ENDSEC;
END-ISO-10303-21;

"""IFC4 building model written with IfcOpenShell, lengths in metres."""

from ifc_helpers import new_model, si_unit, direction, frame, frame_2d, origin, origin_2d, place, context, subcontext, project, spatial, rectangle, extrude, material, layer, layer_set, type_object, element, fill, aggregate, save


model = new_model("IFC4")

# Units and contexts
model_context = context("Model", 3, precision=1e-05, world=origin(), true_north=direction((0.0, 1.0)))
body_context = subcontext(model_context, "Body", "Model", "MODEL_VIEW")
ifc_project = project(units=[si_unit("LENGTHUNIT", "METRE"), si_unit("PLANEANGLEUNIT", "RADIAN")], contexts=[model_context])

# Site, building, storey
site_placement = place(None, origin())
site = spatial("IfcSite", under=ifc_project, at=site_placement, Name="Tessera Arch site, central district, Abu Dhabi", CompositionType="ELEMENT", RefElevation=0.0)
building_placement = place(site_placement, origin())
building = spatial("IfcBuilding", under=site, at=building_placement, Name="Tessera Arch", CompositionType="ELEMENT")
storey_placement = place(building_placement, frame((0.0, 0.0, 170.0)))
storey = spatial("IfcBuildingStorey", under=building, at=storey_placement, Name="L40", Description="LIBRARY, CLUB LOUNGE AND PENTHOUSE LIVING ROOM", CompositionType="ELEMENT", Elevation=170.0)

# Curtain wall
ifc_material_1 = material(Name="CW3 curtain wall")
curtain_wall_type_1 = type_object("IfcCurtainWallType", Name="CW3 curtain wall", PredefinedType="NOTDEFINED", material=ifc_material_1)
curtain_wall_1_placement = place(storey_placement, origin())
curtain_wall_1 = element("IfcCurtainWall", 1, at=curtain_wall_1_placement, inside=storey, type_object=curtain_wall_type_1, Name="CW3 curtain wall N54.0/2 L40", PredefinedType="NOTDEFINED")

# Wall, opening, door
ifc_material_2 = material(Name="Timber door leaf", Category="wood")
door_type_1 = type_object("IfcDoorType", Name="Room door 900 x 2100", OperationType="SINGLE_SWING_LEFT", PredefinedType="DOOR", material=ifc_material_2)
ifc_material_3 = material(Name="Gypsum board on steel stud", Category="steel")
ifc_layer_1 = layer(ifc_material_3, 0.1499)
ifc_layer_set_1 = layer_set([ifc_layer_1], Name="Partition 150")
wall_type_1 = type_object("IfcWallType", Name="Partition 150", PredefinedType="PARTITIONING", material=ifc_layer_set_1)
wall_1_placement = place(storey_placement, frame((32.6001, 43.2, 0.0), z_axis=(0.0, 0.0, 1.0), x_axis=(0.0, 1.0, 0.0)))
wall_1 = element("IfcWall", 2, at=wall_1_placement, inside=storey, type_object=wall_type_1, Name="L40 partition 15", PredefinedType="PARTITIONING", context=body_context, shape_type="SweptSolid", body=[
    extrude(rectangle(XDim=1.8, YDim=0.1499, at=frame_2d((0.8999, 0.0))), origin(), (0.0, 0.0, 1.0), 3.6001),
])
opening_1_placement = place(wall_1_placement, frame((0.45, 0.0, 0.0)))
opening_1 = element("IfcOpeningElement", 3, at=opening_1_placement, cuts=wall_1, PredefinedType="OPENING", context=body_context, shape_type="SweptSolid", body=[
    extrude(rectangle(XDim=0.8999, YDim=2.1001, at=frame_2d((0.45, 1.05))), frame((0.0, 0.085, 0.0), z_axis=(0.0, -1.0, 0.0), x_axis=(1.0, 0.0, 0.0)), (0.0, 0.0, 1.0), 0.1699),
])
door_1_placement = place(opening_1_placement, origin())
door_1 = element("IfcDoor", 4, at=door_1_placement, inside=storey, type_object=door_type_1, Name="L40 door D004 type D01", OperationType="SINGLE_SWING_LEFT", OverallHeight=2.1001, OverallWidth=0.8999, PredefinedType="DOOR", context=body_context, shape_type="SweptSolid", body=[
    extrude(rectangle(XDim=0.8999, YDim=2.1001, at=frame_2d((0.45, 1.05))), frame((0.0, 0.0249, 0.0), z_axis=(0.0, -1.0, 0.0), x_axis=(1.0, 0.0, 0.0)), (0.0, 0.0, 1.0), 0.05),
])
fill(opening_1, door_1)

· · · ·

> _WHAT TO DO_:
Please report the number of lines in the listing that include "under", and add nothing to it.

> _EXERCISE ANSWER_:
3